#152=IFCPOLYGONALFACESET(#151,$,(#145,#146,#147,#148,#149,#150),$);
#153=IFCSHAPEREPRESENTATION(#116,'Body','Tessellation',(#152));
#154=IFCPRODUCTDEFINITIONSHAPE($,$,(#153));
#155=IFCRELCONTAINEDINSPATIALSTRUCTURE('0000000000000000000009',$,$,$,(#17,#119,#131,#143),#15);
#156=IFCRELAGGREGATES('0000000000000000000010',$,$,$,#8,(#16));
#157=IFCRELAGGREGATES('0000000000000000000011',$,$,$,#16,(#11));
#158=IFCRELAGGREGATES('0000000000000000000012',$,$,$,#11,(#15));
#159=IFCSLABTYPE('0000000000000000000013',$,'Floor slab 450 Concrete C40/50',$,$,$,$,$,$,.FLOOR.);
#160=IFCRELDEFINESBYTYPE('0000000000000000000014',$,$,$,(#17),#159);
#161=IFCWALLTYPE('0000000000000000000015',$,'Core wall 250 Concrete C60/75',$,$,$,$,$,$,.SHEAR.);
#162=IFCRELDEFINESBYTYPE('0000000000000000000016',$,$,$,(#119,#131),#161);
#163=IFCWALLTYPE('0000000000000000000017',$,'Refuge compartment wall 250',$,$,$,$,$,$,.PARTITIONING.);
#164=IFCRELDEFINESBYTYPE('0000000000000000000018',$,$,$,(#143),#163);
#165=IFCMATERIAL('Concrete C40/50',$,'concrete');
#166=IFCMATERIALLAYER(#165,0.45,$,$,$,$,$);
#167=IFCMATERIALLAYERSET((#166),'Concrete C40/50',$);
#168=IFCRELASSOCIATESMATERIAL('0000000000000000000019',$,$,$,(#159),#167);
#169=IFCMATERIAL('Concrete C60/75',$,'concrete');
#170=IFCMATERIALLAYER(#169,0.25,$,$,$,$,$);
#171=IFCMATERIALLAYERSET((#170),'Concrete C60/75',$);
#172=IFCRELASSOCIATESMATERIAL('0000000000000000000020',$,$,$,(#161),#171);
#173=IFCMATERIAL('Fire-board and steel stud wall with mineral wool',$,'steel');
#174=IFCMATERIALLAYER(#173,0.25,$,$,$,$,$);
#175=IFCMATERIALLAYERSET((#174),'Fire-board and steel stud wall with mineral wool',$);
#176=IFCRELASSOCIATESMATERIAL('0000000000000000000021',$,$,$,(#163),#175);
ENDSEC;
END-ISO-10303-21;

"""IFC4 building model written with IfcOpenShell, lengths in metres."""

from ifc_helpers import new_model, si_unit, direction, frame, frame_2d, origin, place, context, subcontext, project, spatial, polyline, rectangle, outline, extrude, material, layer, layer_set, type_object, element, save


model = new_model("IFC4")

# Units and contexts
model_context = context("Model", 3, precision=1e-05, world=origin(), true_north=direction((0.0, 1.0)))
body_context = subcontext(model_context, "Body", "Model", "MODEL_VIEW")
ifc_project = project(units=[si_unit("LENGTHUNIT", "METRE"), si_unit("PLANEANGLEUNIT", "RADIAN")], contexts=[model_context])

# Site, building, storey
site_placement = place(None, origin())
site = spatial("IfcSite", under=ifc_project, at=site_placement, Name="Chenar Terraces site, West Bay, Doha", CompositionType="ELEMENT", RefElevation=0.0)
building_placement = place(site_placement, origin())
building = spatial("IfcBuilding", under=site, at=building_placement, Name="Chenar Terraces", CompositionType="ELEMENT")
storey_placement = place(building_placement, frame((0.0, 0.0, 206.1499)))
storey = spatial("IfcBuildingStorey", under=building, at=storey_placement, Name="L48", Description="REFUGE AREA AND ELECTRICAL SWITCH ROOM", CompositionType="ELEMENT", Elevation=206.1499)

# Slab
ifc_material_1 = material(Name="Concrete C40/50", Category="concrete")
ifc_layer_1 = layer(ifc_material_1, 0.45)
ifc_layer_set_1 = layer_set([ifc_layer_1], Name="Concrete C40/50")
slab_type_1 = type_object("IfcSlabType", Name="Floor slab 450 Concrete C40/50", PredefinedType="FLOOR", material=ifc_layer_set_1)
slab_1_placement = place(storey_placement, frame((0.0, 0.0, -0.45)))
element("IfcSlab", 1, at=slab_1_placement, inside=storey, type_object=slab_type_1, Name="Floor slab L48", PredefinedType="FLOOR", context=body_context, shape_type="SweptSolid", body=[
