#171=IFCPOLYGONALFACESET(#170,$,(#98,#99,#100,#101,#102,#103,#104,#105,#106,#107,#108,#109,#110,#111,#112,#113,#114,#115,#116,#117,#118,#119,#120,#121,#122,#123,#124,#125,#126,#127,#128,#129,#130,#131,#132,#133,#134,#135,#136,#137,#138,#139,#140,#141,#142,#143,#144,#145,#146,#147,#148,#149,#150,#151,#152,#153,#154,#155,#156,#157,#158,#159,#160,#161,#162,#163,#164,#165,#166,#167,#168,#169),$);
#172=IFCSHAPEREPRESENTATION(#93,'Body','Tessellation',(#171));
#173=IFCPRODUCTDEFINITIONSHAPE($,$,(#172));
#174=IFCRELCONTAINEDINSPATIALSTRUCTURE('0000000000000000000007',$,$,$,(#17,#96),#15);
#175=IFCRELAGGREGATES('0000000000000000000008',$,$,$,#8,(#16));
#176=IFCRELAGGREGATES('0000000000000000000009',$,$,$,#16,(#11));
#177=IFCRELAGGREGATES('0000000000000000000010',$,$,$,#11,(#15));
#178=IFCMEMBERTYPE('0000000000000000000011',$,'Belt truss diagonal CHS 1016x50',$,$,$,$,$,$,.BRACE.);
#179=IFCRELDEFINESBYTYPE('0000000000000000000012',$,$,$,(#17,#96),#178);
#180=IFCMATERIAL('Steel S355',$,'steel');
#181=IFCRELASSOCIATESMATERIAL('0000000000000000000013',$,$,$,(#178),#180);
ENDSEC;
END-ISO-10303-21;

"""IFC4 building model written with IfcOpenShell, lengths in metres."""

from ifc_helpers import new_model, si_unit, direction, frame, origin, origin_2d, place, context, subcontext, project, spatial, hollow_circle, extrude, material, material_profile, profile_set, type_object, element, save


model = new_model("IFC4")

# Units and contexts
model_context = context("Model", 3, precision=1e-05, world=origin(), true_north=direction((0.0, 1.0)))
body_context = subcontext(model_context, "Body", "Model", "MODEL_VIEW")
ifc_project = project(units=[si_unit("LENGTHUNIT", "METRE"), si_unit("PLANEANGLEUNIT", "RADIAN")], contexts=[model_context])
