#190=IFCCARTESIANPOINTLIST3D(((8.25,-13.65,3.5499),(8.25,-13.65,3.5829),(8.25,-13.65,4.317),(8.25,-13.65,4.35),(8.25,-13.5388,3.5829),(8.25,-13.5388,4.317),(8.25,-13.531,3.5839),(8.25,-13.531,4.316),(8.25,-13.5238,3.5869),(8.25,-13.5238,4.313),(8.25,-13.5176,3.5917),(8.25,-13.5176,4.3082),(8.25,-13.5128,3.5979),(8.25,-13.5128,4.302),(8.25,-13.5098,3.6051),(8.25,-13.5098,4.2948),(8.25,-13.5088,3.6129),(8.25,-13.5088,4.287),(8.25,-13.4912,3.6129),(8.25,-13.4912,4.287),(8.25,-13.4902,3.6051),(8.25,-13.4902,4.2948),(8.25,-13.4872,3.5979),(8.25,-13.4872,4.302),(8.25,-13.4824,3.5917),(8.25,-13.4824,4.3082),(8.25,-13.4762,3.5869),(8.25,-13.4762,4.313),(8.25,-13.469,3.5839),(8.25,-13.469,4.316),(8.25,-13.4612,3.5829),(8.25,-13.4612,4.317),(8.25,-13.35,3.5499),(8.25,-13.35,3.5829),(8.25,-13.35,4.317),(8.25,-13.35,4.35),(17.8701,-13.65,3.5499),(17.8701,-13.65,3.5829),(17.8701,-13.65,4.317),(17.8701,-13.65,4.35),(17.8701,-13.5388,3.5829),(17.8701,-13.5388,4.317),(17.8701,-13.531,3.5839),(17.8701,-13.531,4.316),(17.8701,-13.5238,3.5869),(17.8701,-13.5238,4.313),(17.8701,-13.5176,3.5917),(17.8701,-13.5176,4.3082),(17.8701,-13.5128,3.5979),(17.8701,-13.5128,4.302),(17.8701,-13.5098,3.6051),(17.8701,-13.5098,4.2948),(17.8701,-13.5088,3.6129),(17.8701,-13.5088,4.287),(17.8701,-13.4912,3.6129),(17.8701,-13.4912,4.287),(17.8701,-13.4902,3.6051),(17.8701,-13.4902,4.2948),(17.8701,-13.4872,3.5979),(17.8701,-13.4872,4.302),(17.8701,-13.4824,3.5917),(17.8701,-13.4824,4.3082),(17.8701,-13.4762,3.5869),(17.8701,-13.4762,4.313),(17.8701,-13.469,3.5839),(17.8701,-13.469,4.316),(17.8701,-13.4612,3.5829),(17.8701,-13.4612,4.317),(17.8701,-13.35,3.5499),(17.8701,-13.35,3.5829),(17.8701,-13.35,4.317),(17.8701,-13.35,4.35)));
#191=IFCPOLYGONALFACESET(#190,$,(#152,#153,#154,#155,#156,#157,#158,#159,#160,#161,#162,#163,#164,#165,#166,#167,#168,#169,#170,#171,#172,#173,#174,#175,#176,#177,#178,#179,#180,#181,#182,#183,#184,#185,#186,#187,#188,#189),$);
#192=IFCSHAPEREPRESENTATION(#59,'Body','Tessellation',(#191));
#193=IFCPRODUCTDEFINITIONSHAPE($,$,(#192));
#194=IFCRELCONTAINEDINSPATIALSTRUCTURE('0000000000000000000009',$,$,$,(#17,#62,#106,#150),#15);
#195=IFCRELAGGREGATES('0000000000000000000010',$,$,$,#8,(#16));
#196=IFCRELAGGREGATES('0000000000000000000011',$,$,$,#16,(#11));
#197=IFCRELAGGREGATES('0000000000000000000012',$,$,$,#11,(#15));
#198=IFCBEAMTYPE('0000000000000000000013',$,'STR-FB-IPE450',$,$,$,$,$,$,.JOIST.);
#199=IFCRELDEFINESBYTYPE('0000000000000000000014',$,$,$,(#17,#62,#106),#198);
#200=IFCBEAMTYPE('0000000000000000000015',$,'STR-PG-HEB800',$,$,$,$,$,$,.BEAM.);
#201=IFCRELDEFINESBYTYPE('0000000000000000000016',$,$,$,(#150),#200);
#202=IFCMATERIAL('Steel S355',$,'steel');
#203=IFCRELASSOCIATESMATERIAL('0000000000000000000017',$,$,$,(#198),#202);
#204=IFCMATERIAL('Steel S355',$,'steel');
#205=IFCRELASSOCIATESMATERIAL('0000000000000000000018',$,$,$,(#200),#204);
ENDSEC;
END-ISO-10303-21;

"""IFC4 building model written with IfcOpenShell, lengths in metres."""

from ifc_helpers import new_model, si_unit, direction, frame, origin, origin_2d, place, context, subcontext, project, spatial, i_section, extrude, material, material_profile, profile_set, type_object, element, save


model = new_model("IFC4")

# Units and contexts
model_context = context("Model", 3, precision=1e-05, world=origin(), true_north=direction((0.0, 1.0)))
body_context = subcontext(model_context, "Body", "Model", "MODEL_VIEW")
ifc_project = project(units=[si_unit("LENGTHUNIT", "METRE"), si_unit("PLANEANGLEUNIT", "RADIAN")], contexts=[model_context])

====

### Your objective
Repeat the material above exactly, beginning with its first line and ending with the line that holds "#156=IFCRELAGGREGATES('0000000000000000000010',$,$,$,#8,(#16));", and leave out everything else.

### Solution to this exercise
#152=IFCPOLYGONALFACESET(#151,$,(#145,#146,#147,#148,#149,#150),$);
#153=IFCSHAPEREPRESENTATION(#116,'Body','Tessellation',(#152));
#154=IFCPRODUCTDEFINITIONSHAPE($,$,(#153));
#155=IFCRELCONTAINEDINSPATIALSTRUCTURE('0000000000000000000009',$,$,$,(#17,#119,#131,#143),#15);
#156=IFCRELAGGREGATES('0000000000000000000010',$,$,$,#8,(#16));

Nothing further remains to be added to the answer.